Report the lines of the data below that contain the string "CompositionType".

================================

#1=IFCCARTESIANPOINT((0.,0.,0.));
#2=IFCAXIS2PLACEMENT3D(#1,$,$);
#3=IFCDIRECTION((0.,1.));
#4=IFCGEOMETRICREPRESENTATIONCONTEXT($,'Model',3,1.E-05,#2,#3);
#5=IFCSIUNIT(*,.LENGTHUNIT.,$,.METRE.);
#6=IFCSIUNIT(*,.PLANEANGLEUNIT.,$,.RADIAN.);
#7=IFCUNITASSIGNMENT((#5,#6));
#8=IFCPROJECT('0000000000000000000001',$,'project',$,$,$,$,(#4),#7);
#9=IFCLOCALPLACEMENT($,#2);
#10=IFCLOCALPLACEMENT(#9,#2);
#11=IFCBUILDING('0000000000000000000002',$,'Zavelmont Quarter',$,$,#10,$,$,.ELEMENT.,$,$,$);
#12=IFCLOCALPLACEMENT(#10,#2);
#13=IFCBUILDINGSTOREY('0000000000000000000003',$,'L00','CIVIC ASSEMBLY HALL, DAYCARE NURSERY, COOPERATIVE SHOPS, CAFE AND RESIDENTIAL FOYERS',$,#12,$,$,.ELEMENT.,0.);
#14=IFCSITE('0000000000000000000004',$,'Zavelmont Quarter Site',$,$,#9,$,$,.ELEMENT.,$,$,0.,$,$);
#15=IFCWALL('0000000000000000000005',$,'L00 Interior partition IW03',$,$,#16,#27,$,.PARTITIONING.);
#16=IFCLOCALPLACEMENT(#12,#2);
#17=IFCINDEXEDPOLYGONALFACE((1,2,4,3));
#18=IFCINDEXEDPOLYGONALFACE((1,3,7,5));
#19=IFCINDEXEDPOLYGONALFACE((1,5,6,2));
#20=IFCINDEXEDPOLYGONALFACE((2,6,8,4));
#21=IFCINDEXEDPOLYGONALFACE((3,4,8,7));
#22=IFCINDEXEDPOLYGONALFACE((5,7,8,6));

================================

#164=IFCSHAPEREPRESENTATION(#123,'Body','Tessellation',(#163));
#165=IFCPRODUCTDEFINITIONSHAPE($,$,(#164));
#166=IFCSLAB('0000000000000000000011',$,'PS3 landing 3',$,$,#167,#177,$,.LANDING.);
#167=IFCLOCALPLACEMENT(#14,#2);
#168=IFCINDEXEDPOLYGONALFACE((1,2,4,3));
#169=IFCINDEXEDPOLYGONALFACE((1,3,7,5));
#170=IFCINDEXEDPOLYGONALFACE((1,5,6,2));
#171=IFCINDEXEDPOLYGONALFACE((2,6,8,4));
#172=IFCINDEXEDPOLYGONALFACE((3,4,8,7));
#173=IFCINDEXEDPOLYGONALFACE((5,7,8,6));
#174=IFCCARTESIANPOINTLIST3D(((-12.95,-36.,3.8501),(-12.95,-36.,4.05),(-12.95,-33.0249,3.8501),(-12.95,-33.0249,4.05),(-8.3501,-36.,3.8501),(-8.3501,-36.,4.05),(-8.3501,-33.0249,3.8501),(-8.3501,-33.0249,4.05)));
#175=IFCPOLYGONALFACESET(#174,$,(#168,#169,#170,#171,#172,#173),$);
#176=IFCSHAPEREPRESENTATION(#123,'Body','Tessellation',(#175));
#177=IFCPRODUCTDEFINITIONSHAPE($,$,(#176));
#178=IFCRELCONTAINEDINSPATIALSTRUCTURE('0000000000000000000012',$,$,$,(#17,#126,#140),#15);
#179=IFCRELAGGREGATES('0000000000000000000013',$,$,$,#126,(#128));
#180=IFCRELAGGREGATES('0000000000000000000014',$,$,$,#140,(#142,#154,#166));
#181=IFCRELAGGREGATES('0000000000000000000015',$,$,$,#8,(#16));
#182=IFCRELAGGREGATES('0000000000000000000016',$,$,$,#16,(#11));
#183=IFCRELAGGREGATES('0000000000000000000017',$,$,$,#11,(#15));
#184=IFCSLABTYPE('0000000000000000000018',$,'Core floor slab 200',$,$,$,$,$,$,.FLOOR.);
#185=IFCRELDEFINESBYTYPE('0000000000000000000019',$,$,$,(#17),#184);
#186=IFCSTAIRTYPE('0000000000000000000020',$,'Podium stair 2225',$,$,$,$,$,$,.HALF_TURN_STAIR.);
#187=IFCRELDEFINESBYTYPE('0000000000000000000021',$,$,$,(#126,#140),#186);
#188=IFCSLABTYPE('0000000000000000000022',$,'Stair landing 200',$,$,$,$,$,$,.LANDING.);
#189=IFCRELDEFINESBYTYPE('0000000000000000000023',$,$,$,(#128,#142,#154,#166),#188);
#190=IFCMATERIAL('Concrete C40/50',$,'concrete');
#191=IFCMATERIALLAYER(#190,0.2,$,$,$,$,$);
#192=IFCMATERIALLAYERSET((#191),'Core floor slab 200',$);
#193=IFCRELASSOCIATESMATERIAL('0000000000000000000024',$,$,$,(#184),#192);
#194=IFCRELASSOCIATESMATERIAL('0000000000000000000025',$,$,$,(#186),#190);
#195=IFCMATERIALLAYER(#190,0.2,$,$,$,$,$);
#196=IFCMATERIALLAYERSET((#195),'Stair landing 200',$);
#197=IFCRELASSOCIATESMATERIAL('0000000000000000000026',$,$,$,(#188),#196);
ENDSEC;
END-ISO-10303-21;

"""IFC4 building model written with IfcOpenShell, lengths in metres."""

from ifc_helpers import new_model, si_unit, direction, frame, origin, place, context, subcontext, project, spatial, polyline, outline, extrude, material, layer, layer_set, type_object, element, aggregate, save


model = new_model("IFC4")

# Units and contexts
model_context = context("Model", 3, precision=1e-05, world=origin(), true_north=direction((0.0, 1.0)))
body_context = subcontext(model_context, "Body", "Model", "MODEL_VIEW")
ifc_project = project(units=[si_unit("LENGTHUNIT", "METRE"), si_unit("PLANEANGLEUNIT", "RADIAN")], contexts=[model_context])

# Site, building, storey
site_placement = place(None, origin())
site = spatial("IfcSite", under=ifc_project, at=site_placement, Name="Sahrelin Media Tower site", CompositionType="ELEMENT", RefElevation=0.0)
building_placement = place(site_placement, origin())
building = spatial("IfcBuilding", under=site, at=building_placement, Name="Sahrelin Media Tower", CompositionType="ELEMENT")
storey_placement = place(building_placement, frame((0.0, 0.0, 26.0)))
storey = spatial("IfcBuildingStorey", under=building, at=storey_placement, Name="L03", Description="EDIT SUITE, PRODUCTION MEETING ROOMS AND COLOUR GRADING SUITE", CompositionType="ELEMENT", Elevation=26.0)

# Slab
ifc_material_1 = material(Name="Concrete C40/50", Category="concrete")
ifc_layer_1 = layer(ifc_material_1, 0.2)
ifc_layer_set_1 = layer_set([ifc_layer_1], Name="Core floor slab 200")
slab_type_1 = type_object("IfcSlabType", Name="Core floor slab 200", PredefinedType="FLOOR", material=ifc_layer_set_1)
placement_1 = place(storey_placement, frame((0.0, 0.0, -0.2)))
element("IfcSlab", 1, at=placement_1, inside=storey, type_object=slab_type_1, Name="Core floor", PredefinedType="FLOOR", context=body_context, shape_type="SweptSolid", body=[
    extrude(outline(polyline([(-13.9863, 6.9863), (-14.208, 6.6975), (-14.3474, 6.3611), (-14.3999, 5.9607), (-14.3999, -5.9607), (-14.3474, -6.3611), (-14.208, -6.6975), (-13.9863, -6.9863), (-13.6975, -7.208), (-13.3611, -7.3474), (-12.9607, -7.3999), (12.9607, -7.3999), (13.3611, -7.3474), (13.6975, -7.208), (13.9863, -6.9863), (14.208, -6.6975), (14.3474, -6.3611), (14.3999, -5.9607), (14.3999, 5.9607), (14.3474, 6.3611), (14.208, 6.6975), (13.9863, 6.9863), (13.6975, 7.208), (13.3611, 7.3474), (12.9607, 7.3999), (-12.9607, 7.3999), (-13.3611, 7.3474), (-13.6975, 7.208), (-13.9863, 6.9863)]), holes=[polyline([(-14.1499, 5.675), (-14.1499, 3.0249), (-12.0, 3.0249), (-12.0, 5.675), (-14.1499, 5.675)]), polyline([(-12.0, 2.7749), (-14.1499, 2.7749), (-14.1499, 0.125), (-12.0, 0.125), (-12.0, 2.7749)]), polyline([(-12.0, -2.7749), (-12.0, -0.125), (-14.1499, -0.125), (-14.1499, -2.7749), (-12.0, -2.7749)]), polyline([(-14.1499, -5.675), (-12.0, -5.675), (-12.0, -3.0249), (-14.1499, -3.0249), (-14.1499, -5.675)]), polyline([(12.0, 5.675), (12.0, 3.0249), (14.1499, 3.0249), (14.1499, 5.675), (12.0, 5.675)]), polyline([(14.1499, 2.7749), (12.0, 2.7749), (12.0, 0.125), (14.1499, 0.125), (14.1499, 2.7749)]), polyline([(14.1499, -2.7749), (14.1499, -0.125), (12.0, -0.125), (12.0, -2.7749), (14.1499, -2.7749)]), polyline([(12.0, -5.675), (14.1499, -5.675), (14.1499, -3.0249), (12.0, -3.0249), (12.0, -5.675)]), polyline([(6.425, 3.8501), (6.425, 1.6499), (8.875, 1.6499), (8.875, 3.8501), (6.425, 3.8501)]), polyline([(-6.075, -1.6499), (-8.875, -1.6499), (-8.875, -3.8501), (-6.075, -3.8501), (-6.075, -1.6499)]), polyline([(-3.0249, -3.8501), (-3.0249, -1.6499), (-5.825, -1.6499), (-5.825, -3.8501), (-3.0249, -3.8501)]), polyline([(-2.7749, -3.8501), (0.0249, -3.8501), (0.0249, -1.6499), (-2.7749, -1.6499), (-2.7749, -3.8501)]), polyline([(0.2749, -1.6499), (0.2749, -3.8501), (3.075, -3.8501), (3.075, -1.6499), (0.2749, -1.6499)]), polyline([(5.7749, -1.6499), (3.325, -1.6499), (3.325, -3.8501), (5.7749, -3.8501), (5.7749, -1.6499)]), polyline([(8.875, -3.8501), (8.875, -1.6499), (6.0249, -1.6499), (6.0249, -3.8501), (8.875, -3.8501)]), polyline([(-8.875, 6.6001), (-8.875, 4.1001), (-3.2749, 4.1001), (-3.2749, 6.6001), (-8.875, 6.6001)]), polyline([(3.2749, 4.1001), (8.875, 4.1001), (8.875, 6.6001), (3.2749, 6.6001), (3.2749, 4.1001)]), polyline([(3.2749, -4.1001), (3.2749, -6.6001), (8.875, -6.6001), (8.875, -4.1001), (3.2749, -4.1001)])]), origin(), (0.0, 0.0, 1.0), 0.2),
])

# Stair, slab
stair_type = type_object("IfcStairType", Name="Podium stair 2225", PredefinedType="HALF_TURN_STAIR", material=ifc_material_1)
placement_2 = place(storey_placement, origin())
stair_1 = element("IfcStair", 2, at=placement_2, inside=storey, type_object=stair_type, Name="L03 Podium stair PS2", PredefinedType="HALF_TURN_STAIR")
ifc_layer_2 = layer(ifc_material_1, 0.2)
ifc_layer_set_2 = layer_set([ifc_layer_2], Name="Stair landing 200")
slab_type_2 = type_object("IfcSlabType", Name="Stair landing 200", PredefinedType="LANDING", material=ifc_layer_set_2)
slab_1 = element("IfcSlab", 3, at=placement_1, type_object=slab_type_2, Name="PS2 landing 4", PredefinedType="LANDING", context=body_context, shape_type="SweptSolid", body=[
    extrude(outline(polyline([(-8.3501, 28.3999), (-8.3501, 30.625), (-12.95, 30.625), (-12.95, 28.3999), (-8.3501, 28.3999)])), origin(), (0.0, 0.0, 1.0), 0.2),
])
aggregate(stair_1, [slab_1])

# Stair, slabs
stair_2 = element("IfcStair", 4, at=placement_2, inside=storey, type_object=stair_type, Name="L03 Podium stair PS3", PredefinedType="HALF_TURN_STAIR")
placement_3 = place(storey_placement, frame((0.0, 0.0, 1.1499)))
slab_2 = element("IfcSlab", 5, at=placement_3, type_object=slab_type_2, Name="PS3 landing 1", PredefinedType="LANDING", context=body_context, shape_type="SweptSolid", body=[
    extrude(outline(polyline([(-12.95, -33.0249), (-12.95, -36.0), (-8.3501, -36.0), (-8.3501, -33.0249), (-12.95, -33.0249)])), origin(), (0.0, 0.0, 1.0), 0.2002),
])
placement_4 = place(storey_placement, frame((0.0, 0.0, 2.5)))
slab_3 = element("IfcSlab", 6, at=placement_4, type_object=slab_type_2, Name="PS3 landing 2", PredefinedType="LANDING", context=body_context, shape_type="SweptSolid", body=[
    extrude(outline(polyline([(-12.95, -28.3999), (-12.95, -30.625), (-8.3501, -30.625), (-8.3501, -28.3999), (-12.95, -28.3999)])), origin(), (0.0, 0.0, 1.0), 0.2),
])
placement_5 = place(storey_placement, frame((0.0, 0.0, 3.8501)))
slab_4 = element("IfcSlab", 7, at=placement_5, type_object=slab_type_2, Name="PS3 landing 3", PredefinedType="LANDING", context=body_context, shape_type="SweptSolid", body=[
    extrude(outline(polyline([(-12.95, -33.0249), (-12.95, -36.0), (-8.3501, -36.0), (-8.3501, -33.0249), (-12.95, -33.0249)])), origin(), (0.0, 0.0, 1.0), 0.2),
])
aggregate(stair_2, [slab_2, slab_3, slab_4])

================================

▸ **Task solution**:
site = spatial("IfcSite", under=ifc_project, at=site_placement, Name="Sahrelin Media Tower site", CompositionType="ELEMENT", RefElevation=0.0)
building = spatial("IfcBuilding", under=site, at=building_placement, Name="Sahrelin Media Tower", CompositionType="ELEMENT")
storey = spatial("IfcBuildingStorey", under=building, at=storey_placement, Name="L03", Description="EDIT SUITE, PRODUCTION MEETING ROOMS AND COLOUR GRADING SUITE", CompositionType="ELEMENT", Elevation=26.0)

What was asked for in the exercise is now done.